__Aim of the exercise__: Select from the data all lines with the word "IFCRELDEFINESBYTYPE".

****

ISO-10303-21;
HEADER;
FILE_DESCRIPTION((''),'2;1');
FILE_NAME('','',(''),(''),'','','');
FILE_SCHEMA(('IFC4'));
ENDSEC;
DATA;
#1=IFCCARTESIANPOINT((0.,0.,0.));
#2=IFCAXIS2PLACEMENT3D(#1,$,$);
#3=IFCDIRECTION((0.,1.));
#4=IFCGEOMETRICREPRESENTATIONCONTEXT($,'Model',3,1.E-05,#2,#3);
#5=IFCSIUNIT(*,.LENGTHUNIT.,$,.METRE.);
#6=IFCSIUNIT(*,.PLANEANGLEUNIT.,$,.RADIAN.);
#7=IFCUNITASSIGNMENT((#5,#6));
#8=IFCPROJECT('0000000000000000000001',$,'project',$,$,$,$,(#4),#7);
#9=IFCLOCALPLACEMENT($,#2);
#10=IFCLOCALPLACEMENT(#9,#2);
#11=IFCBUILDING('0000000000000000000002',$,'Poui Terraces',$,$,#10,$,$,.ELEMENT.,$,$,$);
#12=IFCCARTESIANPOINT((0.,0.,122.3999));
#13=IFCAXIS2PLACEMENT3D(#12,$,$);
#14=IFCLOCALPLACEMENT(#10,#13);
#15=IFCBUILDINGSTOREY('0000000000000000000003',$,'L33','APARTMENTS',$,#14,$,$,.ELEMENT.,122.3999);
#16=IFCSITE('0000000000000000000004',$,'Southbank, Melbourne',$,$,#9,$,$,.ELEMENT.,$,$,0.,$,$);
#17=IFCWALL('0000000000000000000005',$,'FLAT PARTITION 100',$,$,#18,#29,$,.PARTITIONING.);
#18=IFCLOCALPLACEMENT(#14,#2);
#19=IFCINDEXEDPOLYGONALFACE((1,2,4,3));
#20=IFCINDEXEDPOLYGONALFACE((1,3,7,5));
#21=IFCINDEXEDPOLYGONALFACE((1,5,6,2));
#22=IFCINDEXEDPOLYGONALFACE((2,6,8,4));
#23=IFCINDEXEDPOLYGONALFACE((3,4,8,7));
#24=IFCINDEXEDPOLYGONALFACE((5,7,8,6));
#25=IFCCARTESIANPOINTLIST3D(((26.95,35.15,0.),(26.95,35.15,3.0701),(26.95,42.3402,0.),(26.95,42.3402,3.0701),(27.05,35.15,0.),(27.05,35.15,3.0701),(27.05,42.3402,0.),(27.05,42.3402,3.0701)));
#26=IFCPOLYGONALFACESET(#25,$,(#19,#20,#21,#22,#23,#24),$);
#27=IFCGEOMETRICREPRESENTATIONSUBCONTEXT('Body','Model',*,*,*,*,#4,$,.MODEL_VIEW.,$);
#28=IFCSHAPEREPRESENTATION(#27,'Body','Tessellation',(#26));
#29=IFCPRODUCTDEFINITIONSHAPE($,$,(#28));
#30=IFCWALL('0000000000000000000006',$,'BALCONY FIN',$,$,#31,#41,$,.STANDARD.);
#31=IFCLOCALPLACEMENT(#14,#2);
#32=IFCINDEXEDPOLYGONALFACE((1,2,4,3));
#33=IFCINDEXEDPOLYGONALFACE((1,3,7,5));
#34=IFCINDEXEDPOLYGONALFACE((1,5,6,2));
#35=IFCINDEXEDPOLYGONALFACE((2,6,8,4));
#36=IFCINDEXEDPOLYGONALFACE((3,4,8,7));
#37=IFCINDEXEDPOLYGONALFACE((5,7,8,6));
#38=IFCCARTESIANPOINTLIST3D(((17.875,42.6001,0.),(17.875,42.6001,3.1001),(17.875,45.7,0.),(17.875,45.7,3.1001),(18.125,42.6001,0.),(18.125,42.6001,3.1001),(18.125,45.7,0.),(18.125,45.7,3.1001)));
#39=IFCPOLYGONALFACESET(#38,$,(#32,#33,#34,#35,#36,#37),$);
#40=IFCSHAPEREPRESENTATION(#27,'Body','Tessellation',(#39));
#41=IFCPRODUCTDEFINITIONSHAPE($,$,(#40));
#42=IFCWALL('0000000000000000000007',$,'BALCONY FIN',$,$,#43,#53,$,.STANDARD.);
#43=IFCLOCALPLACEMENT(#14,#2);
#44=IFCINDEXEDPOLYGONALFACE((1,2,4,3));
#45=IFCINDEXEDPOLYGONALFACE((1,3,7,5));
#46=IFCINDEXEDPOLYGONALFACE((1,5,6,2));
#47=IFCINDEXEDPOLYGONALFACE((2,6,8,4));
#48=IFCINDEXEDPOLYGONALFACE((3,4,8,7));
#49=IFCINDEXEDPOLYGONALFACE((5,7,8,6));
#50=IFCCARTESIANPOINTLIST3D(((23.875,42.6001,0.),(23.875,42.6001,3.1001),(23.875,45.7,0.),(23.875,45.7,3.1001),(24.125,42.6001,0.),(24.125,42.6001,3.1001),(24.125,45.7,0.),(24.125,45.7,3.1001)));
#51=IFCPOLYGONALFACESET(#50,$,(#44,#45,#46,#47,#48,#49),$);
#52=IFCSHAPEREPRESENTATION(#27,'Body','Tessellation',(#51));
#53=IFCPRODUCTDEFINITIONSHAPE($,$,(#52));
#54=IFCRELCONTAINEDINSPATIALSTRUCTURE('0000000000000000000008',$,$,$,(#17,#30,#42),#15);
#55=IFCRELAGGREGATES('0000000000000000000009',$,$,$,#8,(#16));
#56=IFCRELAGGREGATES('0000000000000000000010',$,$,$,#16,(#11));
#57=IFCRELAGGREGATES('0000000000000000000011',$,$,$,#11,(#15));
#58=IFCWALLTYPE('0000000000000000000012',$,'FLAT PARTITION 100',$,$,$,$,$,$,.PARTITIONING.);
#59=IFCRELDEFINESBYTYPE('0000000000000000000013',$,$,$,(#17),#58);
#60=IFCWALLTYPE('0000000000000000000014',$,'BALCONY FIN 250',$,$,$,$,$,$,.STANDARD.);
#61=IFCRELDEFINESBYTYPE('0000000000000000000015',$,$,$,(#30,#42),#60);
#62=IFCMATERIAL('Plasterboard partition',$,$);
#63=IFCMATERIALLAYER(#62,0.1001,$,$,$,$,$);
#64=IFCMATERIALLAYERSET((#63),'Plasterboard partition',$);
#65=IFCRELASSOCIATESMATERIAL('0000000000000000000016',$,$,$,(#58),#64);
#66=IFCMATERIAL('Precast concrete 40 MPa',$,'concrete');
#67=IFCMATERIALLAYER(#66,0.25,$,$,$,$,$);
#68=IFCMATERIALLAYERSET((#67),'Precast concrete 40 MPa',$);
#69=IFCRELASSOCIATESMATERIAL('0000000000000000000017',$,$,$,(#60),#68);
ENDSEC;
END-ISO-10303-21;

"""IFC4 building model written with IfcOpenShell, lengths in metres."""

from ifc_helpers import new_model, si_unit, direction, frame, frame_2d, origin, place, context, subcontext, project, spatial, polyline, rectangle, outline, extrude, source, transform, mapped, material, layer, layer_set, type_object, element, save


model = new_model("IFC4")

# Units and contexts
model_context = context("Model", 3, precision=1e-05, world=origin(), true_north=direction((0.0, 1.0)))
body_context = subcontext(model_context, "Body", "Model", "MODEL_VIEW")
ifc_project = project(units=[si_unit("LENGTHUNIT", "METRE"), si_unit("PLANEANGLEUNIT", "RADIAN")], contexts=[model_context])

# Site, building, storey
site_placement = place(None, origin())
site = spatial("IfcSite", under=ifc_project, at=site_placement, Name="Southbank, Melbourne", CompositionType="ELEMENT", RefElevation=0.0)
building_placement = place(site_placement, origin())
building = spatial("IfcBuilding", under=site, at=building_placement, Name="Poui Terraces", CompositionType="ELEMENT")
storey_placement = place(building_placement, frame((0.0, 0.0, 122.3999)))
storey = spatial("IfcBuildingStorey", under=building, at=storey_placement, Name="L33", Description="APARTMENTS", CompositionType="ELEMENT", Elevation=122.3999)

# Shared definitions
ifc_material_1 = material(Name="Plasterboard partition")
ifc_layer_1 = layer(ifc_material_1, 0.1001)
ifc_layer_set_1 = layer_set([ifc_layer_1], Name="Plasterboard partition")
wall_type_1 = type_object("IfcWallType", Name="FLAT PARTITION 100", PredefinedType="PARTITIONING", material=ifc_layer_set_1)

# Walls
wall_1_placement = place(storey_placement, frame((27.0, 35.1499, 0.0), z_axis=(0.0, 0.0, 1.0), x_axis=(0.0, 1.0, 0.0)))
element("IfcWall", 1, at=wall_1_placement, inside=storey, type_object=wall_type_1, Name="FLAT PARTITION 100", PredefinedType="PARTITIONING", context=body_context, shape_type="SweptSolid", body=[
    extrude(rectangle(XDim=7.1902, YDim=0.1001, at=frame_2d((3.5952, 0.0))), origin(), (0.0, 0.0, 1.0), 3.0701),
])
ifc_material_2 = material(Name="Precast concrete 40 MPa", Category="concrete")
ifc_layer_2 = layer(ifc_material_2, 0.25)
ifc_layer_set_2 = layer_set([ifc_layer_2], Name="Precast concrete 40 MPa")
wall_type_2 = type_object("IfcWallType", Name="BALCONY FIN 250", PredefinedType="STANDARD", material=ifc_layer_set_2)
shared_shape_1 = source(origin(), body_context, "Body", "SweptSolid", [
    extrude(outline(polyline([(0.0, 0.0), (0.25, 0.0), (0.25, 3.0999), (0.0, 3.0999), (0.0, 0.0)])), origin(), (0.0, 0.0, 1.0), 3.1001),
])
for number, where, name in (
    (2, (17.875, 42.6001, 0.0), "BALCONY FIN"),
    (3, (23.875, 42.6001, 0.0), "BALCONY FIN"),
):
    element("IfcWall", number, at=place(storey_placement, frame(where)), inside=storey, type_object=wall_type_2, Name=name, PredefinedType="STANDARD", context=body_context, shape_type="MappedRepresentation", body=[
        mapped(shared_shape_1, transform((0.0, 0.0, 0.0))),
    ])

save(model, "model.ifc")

****

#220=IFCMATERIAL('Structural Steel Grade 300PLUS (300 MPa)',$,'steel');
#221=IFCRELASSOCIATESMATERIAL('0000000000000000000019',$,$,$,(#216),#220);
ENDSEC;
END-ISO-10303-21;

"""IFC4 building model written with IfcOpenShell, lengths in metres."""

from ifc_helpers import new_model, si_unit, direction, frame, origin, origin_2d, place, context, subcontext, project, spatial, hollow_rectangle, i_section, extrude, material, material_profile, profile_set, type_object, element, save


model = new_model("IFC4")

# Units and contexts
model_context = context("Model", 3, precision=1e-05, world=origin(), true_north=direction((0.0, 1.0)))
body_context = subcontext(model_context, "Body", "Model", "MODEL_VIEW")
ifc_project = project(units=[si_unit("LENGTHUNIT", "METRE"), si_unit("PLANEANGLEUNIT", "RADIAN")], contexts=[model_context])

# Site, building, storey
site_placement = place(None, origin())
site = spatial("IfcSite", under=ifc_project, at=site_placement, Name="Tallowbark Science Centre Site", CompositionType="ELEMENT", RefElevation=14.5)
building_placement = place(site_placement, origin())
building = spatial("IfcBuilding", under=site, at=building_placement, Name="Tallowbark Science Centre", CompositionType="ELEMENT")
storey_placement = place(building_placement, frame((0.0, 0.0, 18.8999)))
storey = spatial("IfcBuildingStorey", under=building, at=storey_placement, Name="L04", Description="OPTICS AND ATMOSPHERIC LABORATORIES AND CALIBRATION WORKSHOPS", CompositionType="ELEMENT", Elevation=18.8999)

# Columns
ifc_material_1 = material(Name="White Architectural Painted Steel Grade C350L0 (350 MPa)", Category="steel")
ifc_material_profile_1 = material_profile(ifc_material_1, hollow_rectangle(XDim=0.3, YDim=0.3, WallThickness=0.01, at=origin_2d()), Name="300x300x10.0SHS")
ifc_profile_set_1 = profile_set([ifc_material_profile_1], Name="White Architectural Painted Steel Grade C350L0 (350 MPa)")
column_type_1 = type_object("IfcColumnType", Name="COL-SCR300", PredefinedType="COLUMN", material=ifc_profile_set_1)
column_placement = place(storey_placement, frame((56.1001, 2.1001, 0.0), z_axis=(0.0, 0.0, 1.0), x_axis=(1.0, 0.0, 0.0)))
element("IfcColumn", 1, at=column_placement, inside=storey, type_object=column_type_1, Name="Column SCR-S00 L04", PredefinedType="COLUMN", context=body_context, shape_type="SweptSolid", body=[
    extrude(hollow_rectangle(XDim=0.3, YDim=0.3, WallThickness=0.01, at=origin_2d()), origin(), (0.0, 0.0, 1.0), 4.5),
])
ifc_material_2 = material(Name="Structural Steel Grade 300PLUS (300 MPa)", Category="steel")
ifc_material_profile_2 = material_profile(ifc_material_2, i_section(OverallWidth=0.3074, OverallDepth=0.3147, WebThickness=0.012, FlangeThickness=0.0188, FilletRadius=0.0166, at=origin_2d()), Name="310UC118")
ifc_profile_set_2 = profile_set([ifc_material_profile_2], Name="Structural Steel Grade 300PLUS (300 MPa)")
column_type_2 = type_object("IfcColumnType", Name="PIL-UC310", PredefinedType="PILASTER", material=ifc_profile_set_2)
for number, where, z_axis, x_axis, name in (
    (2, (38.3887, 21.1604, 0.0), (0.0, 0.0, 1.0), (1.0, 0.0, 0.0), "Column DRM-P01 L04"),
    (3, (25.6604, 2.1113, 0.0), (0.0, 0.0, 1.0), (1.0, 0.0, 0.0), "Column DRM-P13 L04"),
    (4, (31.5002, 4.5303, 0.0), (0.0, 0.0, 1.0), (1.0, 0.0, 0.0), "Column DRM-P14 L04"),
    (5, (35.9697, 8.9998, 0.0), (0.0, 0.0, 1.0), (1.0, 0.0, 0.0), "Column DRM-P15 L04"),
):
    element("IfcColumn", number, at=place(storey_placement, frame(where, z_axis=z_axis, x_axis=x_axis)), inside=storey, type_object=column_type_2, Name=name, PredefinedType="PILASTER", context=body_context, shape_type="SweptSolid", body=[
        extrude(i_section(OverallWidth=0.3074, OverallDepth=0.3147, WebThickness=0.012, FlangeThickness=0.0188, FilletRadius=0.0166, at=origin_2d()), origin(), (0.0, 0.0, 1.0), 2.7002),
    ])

****

__Reply to the task__:
#59=IFCRELDEFINESBYTYPE('0000000000000000000013',$,$,$,(#17),#58);
#61=IFCRELDEFINESBYTYPE('0000000000000000000015',$,$,$,(#30,#42),#60);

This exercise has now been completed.